> Exercise:
All lines in the material with the string "anodised" should be listed.

──────── Extracted records

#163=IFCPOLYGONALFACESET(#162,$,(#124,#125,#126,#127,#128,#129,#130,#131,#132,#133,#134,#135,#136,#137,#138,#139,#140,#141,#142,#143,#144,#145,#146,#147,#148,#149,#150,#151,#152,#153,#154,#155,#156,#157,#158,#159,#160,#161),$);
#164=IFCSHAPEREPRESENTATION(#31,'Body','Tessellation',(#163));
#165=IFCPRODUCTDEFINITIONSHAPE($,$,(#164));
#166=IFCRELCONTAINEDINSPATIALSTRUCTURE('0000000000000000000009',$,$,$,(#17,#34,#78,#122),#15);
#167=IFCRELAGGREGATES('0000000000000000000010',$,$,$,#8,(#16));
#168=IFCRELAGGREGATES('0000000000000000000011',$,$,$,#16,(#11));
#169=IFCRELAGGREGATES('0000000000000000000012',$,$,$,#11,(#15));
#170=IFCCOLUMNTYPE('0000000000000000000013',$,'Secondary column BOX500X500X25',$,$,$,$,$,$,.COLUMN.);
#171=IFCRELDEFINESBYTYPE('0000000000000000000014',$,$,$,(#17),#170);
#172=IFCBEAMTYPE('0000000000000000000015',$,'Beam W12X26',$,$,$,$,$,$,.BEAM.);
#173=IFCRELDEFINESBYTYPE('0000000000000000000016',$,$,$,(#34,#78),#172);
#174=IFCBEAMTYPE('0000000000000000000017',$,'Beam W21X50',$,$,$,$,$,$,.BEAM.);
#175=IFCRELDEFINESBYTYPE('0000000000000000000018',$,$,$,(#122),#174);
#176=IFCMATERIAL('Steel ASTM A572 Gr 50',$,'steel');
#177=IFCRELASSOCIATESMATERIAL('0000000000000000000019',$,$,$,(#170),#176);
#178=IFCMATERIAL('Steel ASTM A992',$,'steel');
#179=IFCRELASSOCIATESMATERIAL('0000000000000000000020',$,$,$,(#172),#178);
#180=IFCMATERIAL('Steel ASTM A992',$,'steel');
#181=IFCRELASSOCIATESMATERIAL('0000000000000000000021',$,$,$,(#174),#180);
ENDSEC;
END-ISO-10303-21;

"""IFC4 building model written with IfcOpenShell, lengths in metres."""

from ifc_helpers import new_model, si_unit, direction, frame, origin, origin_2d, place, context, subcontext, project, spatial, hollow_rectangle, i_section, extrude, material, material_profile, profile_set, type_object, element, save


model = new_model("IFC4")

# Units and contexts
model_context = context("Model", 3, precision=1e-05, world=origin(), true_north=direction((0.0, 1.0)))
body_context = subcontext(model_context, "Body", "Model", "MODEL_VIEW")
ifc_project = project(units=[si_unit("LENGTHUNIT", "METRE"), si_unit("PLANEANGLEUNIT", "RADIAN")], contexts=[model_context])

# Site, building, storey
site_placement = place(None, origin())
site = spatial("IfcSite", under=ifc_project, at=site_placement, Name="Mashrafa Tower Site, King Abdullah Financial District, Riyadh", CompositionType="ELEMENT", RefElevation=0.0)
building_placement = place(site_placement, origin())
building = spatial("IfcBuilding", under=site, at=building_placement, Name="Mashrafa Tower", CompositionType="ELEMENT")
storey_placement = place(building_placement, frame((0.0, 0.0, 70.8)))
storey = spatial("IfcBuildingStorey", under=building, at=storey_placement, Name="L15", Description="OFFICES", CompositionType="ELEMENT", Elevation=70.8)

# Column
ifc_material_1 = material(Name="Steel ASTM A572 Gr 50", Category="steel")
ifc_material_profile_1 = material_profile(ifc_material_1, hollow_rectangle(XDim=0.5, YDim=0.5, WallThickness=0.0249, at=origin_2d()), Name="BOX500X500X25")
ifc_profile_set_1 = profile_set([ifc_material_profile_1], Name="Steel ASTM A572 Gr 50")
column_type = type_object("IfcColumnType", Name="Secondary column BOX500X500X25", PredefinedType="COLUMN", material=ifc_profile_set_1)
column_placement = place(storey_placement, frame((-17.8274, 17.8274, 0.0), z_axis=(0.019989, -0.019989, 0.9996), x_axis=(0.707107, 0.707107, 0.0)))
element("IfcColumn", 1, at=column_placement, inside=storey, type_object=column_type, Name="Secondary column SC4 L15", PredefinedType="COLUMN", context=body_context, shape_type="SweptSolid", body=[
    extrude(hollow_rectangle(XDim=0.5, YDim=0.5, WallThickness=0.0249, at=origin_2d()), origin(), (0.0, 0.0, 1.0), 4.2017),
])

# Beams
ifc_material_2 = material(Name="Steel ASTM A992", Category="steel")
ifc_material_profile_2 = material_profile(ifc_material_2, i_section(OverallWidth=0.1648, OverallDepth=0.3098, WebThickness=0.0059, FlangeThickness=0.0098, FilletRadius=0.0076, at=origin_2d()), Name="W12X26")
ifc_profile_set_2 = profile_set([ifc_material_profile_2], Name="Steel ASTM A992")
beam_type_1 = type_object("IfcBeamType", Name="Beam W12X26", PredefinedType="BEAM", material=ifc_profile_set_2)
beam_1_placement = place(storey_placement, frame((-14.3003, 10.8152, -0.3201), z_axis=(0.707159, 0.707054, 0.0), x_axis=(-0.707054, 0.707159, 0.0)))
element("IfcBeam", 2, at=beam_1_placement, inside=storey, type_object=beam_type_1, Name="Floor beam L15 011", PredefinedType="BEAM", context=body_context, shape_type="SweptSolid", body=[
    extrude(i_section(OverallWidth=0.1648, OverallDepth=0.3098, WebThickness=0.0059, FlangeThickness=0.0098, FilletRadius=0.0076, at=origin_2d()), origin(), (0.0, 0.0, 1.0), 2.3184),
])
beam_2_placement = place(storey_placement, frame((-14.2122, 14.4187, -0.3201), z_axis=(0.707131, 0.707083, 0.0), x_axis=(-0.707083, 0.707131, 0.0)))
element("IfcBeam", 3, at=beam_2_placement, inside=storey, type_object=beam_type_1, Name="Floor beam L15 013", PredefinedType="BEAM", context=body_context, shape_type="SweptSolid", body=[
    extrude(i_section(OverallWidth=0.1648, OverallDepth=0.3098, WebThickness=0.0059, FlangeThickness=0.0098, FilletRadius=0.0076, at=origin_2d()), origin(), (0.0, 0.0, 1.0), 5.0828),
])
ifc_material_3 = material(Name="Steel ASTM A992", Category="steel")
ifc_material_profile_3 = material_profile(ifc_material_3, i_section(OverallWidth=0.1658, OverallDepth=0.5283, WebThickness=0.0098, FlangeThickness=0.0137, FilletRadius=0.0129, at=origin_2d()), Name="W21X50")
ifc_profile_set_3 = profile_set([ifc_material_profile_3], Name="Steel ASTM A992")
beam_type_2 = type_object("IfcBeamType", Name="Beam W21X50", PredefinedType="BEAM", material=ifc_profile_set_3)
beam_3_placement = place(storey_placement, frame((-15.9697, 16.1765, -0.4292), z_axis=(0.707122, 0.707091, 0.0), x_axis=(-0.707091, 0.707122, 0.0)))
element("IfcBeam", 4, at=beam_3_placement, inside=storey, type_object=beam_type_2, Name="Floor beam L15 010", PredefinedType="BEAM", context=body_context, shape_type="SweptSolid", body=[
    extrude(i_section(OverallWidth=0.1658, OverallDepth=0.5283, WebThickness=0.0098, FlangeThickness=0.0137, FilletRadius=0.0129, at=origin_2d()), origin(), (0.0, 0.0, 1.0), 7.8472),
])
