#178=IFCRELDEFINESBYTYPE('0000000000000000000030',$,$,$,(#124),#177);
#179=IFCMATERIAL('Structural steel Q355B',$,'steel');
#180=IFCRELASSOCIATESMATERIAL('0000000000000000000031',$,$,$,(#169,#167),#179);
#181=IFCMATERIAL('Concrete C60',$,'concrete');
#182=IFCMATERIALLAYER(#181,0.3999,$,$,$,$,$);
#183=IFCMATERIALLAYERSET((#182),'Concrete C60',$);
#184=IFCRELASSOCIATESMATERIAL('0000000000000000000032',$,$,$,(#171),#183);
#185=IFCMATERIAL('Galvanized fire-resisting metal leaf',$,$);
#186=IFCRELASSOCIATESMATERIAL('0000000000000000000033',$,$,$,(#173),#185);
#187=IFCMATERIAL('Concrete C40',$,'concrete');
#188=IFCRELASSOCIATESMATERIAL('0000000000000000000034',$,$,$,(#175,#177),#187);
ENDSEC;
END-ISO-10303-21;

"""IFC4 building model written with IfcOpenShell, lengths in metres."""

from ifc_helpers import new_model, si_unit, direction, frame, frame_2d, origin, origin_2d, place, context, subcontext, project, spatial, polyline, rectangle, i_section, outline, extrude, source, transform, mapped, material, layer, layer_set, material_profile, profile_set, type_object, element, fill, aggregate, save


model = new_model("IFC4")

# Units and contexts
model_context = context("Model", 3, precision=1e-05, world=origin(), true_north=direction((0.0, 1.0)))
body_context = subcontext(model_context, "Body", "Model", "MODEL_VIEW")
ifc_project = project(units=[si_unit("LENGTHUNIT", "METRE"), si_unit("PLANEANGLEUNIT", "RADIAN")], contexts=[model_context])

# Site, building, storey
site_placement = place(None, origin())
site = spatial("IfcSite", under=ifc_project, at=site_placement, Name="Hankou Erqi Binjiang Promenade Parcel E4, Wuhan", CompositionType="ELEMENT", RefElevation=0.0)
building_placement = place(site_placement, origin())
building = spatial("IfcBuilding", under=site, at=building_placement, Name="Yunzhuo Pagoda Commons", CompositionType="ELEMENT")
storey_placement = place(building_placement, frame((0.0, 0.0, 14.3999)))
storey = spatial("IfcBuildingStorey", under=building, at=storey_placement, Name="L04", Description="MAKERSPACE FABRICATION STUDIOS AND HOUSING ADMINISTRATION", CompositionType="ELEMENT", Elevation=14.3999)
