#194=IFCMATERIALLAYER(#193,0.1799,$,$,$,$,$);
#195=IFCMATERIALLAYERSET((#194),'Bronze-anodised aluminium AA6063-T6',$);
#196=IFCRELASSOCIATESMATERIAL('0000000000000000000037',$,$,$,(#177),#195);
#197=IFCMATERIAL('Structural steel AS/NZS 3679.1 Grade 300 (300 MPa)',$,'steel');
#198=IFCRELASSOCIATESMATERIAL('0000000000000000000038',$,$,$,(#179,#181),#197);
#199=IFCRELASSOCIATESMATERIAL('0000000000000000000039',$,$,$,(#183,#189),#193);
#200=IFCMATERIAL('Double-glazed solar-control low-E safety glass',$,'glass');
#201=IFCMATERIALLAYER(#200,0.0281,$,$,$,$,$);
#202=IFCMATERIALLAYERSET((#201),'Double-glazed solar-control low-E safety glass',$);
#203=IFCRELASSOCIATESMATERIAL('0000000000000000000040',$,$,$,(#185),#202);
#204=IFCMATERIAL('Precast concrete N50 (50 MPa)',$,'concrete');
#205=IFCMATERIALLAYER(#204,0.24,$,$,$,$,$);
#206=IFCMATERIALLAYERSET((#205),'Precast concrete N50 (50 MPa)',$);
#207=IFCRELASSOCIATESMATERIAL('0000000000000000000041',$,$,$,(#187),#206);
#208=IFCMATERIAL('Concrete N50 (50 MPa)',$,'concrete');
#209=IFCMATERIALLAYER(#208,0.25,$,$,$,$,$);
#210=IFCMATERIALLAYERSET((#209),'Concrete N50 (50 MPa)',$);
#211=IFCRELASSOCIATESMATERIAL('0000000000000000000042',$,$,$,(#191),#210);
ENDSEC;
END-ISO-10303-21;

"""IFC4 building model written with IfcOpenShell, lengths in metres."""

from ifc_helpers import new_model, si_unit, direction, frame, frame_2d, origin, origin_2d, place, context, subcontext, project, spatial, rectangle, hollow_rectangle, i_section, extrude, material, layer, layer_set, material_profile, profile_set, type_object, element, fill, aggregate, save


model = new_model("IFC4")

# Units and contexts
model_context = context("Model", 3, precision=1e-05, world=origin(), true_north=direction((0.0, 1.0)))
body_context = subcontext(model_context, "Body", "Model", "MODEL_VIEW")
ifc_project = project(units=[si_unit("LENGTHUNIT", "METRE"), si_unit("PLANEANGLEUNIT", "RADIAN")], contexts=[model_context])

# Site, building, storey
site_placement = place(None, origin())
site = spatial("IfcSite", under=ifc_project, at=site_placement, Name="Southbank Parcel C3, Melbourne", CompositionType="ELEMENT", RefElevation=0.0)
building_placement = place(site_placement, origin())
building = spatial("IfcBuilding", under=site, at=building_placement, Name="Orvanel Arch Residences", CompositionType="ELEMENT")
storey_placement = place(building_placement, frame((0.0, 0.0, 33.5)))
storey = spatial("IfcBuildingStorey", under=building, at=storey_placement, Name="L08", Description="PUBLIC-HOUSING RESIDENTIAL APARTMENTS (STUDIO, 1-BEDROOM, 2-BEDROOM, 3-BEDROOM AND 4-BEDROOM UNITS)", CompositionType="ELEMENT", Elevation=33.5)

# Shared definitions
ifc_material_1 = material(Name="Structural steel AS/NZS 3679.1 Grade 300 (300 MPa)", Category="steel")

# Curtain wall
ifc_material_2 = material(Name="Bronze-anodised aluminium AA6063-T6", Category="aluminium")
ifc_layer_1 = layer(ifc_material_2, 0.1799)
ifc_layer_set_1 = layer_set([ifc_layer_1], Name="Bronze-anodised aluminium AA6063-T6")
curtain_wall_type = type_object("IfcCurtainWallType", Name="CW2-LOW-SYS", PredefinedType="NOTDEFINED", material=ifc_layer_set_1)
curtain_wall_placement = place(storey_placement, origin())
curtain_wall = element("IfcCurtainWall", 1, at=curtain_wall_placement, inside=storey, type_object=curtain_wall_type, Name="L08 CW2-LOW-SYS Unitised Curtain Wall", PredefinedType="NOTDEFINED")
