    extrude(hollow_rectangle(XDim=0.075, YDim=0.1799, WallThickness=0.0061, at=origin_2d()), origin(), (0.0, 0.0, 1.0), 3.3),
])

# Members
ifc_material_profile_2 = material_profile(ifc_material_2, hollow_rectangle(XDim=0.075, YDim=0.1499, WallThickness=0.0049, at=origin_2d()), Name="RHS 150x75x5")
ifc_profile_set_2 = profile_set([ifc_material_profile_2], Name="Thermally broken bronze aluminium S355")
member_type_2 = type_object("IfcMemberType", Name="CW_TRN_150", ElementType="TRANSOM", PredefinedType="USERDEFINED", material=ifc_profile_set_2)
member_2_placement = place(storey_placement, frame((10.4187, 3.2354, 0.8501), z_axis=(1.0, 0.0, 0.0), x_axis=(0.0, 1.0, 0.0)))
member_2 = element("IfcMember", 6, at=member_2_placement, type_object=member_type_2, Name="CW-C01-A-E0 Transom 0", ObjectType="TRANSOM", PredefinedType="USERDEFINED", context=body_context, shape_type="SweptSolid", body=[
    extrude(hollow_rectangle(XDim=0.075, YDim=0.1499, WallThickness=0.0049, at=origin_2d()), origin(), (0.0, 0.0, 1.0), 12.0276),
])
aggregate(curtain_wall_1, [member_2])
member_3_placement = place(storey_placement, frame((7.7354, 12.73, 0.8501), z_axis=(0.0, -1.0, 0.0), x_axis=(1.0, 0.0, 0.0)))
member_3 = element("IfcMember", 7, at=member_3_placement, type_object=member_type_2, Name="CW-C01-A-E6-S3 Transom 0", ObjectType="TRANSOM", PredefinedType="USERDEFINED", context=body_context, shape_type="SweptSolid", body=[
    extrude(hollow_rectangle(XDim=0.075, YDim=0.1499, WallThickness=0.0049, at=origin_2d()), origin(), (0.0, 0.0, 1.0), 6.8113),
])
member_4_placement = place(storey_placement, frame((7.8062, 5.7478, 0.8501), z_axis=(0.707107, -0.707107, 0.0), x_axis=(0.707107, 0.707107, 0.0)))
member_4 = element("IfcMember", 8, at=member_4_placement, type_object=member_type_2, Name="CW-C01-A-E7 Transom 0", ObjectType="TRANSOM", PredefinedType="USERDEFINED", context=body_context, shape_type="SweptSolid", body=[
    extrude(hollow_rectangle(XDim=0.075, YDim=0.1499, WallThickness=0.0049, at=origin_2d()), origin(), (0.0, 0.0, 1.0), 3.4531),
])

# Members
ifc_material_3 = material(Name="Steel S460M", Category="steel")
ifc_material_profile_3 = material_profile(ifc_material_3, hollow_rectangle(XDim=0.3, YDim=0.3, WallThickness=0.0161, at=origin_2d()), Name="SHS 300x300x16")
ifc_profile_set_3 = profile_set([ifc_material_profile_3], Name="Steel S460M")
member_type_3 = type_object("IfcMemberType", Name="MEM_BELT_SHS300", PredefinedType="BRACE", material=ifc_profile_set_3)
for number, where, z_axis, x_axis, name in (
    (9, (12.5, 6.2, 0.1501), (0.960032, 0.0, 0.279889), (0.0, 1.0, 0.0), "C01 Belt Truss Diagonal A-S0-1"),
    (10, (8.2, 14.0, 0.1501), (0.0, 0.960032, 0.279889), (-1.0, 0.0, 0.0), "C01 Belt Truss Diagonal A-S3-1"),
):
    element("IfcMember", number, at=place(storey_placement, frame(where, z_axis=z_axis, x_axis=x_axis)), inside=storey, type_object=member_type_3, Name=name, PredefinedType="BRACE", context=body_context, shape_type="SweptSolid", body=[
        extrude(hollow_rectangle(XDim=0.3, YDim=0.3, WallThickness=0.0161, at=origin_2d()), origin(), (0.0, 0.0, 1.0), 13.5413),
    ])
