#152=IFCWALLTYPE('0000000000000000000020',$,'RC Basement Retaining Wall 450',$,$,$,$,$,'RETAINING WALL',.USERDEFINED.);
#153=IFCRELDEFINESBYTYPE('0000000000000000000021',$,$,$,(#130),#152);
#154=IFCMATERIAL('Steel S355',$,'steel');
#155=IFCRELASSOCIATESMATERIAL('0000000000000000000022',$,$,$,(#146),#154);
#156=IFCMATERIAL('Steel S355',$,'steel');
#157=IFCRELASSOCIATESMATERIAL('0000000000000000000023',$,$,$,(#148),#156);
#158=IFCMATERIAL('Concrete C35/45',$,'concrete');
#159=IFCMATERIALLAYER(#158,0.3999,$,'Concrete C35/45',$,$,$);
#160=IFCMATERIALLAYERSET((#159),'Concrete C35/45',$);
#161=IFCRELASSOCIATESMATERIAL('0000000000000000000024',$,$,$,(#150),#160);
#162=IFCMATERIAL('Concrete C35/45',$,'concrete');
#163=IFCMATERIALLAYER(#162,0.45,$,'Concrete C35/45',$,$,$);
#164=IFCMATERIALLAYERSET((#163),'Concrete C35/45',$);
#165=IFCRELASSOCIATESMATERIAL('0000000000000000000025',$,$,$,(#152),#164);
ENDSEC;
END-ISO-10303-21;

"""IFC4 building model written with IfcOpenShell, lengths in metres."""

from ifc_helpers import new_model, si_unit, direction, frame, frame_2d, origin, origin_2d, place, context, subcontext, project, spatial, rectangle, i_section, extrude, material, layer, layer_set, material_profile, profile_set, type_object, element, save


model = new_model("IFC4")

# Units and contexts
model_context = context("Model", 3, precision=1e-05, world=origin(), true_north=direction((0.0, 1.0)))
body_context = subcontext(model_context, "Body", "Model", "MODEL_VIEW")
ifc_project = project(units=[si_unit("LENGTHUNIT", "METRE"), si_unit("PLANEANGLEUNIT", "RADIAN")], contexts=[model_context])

────────────────

> Output below:
#195=IFCMATERIALLAYERSET((#194),'Bronze-anodised aluminium AA6063-T6',$);
ifc_material_2 = material(Name="Bronze-anodised aluminium AA6063-T6", Category="aluminium")
ifc_layer_set_1 = layer_set([ifc_layer_1], Name="Bronze-anodised aluminium AA6063-T6")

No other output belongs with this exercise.